(Data excerpts)
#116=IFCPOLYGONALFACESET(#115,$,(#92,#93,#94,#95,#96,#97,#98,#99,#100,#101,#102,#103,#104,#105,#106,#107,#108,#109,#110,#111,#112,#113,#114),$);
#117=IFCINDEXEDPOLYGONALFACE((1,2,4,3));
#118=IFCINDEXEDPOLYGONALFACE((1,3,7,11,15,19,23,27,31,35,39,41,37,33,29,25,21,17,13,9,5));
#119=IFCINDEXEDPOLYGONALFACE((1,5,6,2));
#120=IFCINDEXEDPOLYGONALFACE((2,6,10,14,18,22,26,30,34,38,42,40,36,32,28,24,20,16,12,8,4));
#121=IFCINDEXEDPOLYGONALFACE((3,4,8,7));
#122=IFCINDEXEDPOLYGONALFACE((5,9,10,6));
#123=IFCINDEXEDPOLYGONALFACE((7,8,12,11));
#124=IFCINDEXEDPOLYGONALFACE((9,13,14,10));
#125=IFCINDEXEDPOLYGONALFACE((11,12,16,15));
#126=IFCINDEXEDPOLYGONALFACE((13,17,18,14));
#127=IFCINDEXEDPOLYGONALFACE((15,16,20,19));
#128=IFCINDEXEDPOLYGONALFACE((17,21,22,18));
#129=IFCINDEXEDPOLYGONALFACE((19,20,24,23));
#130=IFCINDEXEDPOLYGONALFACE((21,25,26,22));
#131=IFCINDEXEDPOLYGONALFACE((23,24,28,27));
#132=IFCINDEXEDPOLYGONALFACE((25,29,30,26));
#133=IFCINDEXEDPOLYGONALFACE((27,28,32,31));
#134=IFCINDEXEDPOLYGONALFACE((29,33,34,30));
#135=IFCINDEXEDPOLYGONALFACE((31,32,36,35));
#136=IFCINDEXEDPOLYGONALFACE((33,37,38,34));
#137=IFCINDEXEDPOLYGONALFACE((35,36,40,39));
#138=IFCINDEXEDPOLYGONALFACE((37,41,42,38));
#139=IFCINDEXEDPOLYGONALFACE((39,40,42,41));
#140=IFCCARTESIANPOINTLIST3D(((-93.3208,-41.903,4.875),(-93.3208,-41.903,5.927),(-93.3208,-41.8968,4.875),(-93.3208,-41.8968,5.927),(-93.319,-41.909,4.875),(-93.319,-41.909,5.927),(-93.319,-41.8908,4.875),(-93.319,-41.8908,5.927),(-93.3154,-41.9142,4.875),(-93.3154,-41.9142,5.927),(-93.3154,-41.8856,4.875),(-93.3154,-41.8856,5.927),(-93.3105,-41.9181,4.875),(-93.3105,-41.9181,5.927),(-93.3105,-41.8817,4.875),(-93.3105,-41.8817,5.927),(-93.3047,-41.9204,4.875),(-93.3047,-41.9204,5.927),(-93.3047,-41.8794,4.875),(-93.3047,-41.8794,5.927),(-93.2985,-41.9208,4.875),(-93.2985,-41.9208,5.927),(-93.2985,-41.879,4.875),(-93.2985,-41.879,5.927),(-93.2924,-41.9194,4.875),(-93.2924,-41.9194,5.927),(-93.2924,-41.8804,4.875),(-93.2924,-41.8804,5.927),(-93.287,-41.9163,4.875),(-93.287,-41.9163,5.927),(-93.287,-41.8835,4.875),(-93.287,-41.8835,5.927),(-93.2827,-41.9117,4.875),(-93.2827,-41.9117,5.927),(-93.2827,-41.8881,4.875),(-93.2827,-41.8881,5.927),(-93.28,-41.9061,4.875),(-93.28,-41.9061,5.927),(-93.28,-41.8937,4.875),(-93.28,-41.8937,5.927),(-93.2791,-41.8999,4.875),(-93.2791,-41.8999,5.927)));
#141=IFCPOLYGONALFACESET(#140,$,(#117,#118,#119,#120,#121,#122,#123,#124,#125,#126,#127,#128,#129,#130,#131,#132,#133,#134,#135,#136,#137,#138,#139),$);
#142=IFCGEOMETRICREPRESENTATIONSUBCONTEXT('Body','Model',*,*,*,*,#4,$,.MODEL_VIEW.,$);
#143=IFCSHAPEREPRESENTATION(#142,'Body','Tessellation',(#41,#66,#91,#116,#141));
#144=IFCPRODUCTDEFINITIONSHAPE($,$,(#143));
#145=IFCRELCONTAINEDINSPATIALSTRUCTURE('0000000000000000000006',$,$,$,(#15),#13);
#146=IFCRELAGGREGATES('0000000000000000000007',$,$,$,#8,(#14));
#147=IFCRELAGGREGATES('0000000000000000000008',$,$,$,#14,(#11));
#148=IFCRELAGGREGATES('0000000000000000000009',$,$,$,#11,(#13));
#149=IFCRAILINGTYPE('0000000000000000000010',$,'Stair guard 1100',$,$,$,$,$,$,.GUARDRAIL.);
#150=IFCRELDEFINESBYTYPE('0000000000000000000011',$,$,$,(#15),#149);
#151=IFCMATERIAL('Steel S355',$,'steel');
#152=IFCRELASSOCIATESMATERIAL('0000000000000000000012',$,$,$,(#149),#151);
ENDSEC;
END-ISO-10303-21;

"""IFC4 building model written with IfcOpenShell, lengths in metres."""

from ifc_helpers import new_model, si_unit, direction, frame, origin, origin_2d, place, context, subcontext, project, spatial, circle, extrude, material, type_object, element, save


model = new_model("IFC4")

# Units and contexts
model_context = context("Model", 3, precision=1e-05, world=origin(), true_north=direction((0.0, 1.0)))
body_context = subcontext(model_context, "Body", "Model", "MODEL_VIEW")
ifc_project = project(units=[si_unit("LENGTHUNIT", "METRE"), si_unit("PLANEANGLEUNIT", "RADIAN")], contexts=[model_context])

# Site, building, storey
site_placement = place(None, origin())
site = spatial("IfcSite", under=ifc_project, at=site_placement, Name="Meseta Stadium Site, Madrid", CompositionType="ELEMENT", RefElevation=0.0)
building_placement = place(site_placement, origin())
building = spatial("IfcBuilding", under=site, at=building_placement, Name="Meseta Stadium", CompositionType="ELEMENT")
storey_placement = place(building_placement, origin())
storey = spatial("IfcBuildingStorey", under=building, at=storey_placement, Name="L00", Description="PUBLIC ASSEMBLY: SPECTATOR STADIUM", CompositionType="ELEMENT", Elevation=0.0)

__ASSIGNED TASK__:
Reproduce the entries above exactly.

__TASK ANSWER__:
#116=IFCPOLYGONALFACESET(#115,$,(#92,#93,#94,#95,#96,#97,#98,#99,#100,#101,#102,#103,#104,#105,#106,#107,#108,#109,#110,#111,#112,#113,#114),$);
#117=IFCINDEXEDPOLYGONALFACE((1,2,4,3));
#118=IFCINDEXEDPOLYGONALFACE((1,3,7,11,15,19,23,27,31,35,39,41,37,33,29,25,21,17,13,9,5));
#119=IFCINDEXEDPOLYGONALFACE((1,5,6,2));
#120=IFCINDEXEDPOLYGONALFACE((2,6,10,14,18,22,26,30,34,38,42,40,36,32,28,24,20,16,12,8,4));
#121=IFCINDEXEDPOLYGONALFACE((3,4,8,7));
#122=IFCINDEXEDPOLYGONALFACE((5,9,10,6));
#123=IFCINDEXEDPOLYGONALFACE((7,8,12,11));
#124=IFCINDEXEDPOLYGONALFACE((9,13,14,10));
#125=IFCINDEXEDPOLYGONALFACE((11,12,16,15));
#126=IFCINDEXEDPOLYGONALFACE((13,17,18,14));
#127=IFCINDEXEDPOLYGONALFACE((15,16,20,19));
#128=IFCINDEXEDPOLYGONALFACE((17,21,22,18));
#129=IFCINDEXEDPOLYGONALFACE((19,20,24,23));
#130=IFCINDEXEDPOLYGONALFACE((21,25,26,22));
#131=IFCINDEXEDPOLYGONALFACE((23,24,28,27));
#132=IFCINDEXEDPOLYGONALFACE((25,29,30,26));
#133=IFCINDEXEDPOLYGONALFACE((27,28,32,31));
#134=IFCINDEXEDPOLYGONALFACE((29,33,34,30));
#135=IFCINDEXEDPOLYGONALFACE((31,32,36,35));
#136=IFCINDEXEDPOLYGONALFACE((33,37,38,34));
#137=IFCINDEXEDPOLYGONALFACE((35,36,40,39));
#138=IFCINDEXEDPOLYGONALFACE((37,41,42,38));
#139=IFCINDEXEDPOLYGONALFACE((39,40,42,41));
#140=IFCCARTESIANPOINTLIST3D(((-93.3208,-41.903,4.875),(-93.3208,-41.903,5.927),(-93.3208,-41.8968,4.875),(-93.3208,-41.8968,5.927),(-93.319,-41.909,4.875),(-93.319,-41.909,5.927),(-93.319,-41.8908,4.875),(-93.319,-41.8908,5.927),(-93.3154,-41.9142,4.875),(-93.3154,-41.9142,5.927),(-93.3154,-41.8856,4.875),(-93.3154,-41.8856,5.927),(-93.3105,-41.9181,4.875),(-93.3105,-41.9181,5.927),(-93.3105,-41.8817,4.875),(-93.3105,-41.8817,5.927),(-93.3047,-41.9204,4.875),(-93.3047,-41.9204,5.927),(-93.3047,-41.8794,4.875),(-93.3047,-41.8794,5.927),(-93.2985,-41.9208,4.875),(-93.2985,-41.9208,5.927),(-93.2985,-41.879,4.875),(-93.2985,-41.879,5.927),(-93.2924,-41.9194,4.875),(-93.2924,-41.9194,5.927),(-93.2924,-41.8804,4.875),(-93.2924,-41.8804,5.927),(-93.287,-41.9163,4.875),(-93.287,-41.9163,5.927),(-93.287,-41.8835,4.875),(-93.287,-41.8835,5.927),(-93.2827,-41.9117,4.875),(-93.2827,-41.9117,5.927),(-93.2827,-41.8881,4.875),(-93.2827,-41.8881,5.927),(-93.28,-41.9061,4.875),(-93.28,-41.9061,5.927),(-93.28,-41.8937,4.875),(-93.28,-41.8937,5.927),(-93.2791,-41.8999,4.875),(-93.2791,-41.8999,5.927)));
#141=IFCPOLYGONALFACESET(#140,$,(#117,#118,#119,#120,#121,#122,#123,#124,#125,#126,#127,#128,#129,#130,#131,#132,#133,#134,#135,#136,#137,#138,#139),$);
#142=IFCGEOMETRICREPRESENTATIONSUBCONTEXT('Body','Model',*,*,*,*,#4,$,.MODEL_VIEW.,$);
#143=IFCSHAPEREPRESENTATION(#142,'Body','Tessellation',(#41,#66,#91,#116,#141));
#144=IFCPRODUCTDEFINITIONSHAPE($,$,(#143));
#145=IFCRELCONTAINEDINSPATIALSTRUCTURE('0000000000000000000006',$,$,$,(#15),#13);
#146=IFCRELAGGREGATES('0000000000000000000007',$,$,$,#8,(#14));
#147=IFCRELAGGREGATES('0000000000000000000008',$,$,$,#14,(#11));
#148=IFCRELAGGREGATES('0000000000000000000009',$,$,$,#11,(#13));
#149=IFCRAILINGTYPE('0000000000000000000010',$,'Stair guard 1100',$,$,$,$,$,$,.GUARDRAIL.);
#150=IFCRELDEFINESBYTYPE('0000000000000000000011',$,$,$,(#15),#149);
#151=IFCMATERIAL('Steel S355',$,'steel');
#152=IFCRELASSOCIATESMATERIAL('0000000000000000000012',$,$,$,(#149),#151);
ENDSEC;
END-ISO-10303-21;

"""IFC4 building model written with IfcOpenShell, lengths in metres."""

from ifc_helpers import new_model, si_unit, direction, frame, origin, origin_2d, place, context, subcontext, project, spatial, circle, extrude, material, type_object, element, save


model = new_model("IFC4")

# Units and contexts
model_context = context("Model", 3, precision=1e-05, world=origin(), true_north=direction((0.0, 1.0)))
body_context = subcontext(model_context, "Body", "Model", "MODEL_VIEW")
ifc_project = project(units=[si_unit("LENGTHUNIT", "METRE"), si_unit("PLANEANGLEUNIT", "RADIAN")], contexts=[model_context])

# Site, building, storey
site_placement = place(None, origin())
site = spatial("IfcSite", under=ifc_project, at=site_placement, Name="Meseta Stadium Site, Madrid", CompositionType="ELEMENT", RefElevation=0.0)
building_placement = place(site_placement, origin())
building = spatial("IfcBuilding", under=site, at=building_placement, Name="Meseta Stadium", CompositionType="ELEMENT")
storey_placement = place(building_placement, origin())
storey = spatial("IfcBuildingStorey", under=building, at=storey_placement, Name="L00", Description="PUBLIC ASSEMBLY: SPECTATOR STADIUM", CompositionType="ELEMENT", Elevation=0.0)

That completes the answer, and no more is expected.